═════ Data for the task

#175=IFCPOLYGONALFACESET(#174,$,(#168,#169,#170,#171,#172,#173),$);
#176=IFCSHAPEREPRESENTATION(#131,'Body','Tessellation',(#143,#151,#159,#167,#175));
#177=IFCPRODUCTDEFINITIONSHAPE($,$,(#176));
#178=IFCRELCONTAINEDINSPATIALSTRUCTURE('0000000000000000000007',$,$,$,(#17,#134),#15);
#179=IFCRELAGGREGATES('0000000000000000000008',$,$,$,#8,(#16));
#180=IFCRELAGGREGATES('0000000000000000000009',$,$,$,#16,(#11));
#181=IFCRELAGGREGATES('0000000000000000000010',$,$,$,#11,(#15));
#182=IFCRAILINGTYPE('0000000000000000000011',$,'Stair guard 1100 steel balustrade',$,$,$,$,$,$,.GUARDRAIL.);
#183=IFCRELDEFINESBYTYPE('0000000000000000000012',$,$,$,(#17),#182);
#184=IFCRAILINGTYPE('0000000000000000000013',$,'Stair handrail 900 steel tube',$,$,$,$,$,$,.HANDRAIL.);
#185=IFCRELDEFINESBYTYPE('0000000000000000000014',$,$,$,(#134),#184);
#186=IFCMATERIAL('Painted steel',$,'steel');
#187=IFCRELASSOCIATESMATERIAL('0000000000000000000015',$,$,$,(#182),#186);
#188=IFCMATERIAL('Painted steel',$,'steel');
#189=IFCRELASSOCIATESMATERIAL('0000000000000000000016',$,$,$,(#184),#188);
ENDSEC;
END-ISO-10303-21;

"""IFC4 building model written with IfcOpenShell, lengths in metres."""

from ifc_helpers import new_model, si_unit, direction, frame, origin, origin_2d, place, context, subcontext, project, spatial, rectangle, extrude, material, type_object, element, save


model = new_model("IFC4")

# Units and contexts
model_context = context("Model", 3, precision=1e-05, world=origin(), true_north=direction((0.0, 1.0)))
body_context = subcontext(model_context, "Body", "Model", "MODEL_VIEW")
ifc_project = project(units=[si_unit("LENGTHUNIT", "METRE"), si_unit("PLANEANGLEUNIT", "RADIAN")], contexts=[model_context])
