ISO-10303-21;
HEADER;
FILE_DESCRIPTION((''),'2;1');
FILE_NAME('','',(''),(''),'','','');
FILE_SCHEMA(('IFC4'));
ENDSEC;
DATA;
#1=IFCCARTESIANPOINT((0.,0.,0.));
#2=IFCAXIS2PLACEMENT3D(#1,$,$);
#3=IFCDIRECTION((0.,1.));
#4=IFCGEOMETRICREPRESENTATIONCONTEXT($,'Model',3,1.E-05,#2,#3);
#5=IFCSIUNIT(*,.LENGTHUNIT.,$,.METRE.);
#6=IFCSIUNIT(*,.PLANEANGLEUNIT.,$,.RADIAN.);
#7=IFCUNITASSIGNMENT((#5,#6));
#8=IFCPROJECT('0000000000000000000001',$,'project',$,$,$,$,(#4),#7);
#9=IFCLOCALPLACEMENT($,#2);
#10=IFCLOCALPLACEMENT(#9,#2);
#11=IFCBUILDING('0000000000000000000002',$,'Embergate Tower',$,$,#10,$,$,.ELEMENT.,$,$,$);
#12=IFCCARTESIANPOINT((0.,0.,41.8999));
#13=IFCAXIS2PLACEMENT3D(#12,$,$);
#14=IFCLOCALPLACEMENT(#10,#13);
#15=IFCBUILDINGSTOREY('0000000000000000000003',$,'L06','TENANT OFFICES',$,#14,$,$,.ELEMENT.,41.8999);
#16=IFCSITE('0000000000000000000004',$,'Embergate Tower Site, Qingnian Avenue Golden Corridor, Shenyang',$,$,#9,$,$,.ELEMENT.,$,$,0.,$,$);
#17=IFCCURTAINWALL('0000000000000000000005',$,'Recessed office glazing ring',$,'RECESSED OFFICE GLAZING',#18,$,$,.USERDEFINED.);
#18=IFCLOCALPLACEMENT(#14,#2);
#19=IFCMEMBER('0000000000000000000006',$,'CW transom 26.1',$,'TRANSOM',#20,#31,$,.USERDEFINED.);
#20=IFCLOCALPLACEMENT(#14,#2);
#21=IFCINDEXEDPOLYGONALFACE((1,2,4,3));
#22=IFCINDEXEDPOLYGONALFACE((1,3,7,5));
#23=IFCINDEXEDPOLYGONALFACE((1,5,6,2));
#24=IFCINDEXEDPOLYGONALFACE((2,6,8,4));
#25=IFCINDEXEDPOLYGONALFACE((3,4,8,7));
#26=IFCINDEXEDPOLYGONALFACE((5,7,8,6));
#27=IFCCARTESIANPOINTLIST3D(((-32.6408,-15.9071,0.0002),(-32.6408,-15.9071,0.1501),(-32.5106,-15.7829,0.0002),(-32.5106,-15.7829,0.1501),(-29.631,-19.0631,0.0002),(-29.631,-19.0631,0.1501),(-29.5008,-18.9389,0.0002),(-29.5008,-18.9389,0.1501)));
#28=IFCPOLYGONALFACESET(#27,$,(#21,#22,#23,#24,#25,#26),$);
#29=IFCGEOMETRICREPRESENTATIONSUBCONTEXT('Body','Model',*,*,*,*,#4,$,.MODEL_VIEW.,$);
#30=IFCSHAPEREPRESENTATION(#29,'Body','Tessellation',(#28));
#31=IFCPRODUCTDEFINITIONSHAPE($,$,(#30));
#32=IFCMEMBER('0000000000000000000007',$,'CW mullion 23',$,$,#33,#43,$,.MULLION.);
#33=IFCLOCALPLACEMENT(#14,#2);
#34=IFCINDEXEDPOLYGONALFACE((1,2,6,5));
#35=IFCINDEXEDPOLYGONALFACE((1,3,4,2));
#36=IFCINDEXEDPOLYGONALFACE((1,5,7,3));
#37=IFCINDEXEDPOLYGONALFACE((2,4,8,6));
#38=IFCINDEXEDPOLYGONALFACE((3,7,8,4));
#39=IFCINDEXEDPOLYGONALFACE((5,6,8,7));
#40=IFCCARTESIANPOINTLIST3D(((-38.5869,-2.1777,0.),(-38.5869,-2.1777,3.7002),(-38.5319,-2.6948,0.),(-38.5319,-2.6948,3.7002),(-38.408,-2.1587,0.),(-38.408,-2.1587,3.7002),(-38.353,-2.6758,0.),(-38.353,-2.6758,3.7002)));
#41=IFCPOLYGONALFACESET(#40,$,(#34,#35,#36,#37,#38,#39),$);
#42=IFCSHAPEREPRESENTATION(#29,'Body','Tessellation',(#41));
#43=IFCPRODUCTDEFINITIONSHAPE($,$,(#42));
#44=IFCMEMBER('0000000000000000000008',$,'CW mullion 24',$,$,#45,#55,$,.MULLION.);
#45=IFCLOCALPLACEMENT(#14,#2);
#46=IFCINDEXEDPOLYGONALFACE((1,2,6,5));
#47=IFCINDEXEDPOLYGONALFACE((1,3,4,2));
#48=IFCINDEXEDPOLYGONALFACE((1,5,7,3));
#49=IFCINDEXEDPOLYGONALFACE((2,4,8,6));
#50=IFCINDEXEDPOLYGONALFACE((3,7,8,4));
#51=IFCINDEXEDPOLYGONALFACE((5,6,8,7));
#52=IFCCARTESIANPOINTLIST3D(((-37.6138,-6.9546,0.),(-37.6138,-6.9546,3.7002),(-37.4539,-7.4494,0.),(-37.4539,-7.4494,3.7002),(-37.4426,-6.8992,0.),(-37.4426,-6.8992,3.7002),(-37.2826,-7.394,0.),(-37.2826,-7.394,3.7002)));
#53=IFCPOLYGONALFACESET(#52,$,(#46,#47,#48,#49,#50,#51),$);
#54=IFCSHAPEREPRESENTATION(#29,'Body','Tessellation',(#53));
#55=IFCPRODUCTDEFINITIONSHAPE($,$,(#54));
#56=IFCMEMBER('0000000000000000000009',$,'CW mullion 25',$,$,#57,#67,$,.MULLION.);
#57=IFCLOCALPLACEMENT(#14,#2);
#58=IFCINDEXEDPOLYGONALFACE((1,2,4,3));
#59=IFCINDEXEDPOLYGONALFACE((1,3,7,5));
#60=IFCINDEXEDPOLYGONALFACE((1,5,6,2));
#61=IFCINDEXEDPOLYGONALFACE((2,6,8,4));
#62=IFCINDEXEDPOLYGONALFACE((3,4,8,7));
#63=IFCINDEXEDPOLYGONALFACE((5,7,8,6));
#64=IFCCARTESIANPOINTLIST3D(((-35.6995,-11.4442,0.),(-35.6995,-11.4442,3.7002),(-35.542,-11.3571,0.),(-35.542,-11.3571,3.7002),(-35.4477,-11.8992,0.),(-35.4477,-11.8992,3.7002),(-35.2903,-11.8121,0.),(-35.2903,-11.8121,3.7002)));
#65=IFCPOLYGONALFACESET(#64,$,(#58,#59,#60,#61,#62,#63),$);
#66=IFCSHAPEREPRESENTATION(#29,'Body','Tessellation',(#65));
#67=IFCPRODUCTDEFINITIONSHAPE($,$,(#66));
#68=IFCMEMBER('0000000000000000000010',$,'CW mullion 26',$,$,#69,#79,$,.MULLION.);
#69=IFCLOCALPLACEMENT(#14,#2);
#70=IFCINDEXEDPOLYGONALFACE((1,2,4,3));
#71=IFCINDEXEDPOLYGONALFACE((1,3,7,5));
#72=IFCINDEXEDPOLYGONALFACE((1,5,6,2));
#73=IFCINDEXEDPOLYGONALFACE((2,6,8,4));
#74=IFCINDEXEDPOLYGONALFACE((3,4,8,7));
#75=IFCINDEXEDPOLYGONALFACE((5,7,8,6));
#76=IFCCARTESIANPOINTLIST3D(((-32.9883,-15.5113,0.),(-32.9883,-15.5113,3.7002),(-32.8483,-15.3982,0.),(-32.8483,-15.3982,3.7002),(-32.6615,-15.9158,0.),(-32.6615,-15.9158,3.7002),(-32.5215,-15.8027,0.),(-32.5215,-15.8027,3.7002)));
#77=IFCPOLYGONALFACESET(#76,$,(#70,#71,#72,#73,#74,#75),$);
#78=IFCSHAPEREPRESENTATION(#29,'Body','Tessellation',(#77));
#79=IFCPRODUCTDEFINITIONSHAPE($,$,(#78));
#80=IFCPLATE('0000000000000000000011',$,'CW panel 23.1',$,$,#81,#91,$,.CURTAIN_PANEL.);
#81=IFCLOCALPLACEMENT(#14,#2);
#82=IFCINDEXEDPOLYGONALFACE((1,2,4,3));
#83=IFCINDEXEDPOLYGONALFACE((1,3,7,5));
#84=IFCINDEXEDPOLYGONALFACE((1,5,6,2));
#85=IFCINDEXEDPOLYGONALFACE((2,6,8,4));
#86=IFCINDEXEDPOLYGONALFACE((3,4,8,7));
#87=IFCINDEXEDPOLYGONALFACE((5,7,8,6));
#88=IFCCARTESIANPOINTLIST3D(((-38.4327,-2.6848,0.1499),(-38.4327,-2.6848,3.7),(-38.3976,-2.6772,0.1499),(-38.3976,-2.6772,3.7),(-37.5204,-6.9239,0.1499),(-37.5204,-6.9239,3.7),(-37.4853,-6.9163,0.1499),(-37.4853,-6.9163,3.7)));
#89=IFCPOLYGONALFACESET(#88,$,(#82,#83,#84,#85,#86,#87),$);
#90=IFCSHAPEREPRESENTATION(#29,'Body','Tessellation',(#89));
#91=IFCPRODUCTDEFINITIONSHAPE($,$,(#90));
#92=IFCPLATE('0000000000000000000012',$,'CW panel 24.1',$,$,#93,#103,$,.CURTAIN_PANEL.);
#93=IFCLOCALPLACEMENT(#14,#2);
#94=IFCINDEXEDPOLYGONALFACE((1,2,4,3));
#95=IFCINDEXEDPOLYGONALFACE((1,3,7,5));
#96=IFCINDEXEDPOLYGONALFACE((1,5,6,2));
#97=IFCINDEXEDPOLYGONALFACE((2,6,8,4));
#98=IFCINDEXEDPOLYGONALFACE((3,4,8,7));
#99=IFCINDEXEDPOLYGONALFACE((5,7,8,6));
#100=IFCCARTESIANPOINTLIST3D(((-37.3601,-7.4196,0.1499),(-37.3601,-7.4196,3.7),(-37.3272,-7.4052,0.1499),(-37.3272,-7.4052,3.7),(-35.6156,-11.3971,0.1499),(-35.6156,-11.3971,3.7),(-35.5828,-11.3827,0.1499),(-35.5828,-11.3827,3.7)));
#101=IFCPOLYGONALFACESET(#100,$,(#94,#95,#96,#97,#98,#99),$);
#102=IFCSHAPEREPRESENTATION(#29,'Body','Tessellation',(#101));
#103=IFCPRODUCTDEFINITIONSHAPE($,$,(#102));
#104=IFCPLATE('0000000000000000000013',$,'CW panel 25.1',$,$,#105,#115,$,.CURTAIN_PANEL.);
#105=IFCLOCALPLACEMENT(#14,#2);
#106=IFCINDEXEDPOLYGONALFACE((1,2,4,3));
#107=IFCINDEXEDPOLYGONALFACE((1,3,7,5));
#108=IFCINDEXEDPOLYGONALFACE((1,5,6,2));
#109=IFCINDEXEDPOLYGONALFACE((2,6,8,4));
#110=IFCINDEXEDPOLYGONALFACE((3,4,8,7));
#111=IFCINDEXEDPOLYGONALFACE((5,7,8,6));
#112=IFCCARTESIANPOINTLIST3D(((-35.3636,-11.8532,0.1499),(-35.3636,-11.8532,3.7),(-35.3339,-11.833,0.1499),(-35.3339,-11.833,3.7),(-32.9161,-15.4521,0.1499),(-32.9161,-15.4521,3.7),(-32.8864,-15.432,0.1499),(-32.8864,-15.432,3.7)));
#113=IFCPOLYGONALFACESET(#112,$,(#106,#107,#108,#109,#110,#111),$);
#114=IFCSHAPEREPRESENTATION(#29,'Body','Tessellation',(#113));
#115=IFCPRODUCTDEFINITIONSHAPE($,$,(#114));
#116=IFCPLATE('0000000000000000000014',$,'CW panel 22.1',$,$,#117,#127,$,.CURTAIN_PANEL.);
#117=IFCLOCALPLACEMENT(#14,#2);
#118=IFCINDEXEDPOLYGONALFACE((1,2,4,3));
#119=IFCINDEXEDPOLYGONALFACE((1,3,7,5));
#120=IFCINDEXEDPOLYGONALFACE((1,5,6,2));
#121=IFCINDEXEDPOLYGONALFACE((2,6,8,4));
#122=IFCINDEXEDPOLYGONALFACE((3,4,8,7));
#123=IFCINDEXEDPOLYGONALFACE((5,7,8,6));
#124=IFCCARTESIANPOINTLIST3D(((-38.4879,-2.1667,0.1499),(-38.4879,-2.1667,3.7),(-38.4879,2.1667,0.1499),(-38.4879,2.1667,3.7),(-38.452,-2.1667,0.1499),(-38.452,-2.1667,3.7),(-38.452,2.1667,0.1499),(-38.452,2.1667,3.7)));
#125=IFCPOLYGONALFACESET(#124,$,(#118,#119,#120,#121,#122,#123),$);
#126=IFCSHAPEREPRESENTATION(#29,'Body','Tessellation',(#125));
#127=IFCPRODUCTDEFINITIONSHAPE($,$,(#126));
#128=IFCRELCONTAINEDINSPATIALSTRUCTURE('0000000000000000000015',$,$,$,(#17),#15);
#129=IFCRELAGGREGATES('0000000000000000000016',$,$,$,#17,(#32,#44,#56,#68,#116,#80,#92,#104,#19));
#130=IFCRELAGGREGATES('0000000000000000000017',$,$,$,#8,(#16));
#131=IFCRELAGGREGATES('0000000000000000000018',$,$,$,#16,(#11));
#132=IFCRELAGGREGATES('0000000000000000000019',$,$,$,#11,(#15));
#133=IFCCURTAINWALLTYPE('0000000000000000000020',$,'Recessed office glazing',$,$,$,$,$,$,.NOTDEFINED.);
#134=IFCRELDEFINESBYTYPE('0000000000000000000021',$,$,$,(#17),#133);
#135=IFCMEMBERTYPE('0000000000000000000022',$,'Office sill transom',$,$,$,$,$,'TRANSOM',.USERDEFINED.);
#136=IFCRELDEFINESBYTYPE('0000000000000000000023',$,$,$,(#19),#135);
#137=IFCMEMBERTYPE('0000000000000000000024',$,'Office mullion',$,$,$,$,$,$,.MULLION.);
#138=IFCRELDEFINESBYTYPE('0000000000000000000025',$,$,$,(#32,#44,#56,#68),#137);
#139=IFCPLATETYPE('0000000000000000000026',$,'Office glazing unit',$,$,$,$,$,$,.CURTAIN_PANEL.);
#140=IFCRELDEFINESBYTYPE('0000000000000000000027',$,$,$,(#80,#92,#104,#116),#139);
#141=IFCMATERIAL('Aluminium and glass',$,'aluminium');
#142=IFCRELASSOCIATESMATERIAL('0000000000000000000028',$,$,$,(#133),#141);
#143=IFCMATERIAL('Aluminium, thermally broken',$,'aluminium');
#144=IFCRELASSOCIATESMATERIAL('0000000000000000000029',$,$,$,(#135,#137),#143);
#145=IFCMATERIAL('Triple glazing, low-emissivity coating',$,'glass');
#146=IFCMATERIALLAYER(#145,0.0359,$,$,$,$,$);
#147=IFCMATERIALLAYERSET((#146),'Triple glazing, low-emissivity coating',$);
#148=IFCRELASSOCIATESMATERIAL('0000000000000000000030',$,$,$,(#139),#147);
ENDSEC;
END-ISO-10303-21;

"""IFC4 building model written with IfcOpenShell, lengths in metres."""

from ifc_helpers import new_model, si_unit, direction, frame, origin, origin_2d, place, context, subcontext, project, spatial, rectangle, extrude, source, transform, mapped, material, layer, layer_set, material_profile, profile_set, type_object, element, aggregate, save


model = new_model("IFC4")

# Units and contexts
model_context = context("Model", 3, precision=1e-05, world=origin(), true_north=direction((0.0, 1.0)))
body_context = subcontext(model_context, "Body", "Model", "MODEL_VIEW")
ifc_project = project(units=[si_unit("LENGTHUNIT", "METRE"), si_unit("PLANEANGLEUNIT", "RADIAN")], contexts=[model_context])

# Site, building, storey
site_placement = place(None, origin())
site = spatial("IfcSite", under=ifc_project, at=site_placement, Name="Embergate Tower Site, Qingnian Avenue Golden Corridor, Shenyang", CompositionType="ELEMENT", RefElevation=0.0)
building_placement = place(site_placement, origin())
building = spatial("IfcBuilding", under=site, at=building_placement, Name="Embergate Tower", CompositionType="ELEMENT")
storey_placement = place(building_placement, frame((0.0, 0.0, 41.8999)))
storey = spatial("IfcBuildingStorey", under=building, at=storey_placement, Name="L06", Description="TENANT OFFICES", CompositionType="ELEMENT", Elevation=41.8999)

# Curtain wall, members, plates
ifc_material_1 = material(Name="Aluminium and glass", Category="aluminium")
curtain_wall_type = type_object("IfcCurtainWallType", Name="Recessed office glazing", PredefinedType="NOTDEFINED", material=ifc_material_1)
curtain_wall_placement = place(storey_placement, origin())
curtain_wall = element("IfcCurtainWall", 1, at=curtain_wall_placement, inside=storey, type_object=curtain_wall_type, Name="Recessed office glazing ring", ObjectType="RECESSED OFFICE GLAZING", PredefinedType="USERDEFINED")
ifc_material_2 = material(Name="Aluminium, thermally broken", Category="aluminium")
ifc_material_profile_1 = material_profile(ifc_material_2, rectangle(XDim=0.1799, YDim=0.1499, at=origin_2d()), Name="AL 150x180")
ifc_profile_set_1 = profile_set([ifc_material_profile_1], Name="Aluminium, thermally broken")
member_type_1 = type_object("IfcMemberType", Name="Office sill transom", ElementType="TRANSOM", PredefinedType="USERDEFINED", material=ifc_profile_set_1)
shared_shape_1 = source(origin(), body_context, "Body", "SweptSolid", [
    extrude(rectangle(XDim=0.1799, YDim=0.1499, at=origin_2d()), origin(), (0.0, 0.0, 1.0), 4.3611),
])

══════════

Retype only the stretch of lines above starting at the one with "#90=IFCSHAPEREPRESENTATION(#29,'Body','Tessellation',(#89));" and stopping at the one with "#99=IFCINDEXEDPOLYGONALFACE((5,7,8,6));", exactly as written, with both kept.

#90=IFCSHAPEREPRESENTATION(#29,'Body','Tessellation',(#89));
#91=IFCPRODUCTDEFINITIONSHAPE($,$,(#90));
#92=IFCPLATE('0000000000000000000012',$,'CW panel 24.1',$,$,#93,#103,$,.CURTAIN_PANEL.);
#93=IFCLOCALPLACEMENT(#14,#2);
#94=IFCINDEXEDPOLYGONALFACE((1,2,4,3));
#95=IFCINDEXEDPOLYGONALFACE((1,3,7,5));
#96=IFCINDEXEDPOLYGONALFACE((1,5,6,2));
#97=IFCINDEXEDPOLYGONALFACE((2,6,8,4));
#98=IFCINDEXEDPOLYGONALFACE((3,4,8,7));
#99=IFCINDEXEDPOLYGONALFACE((5,7,8,6));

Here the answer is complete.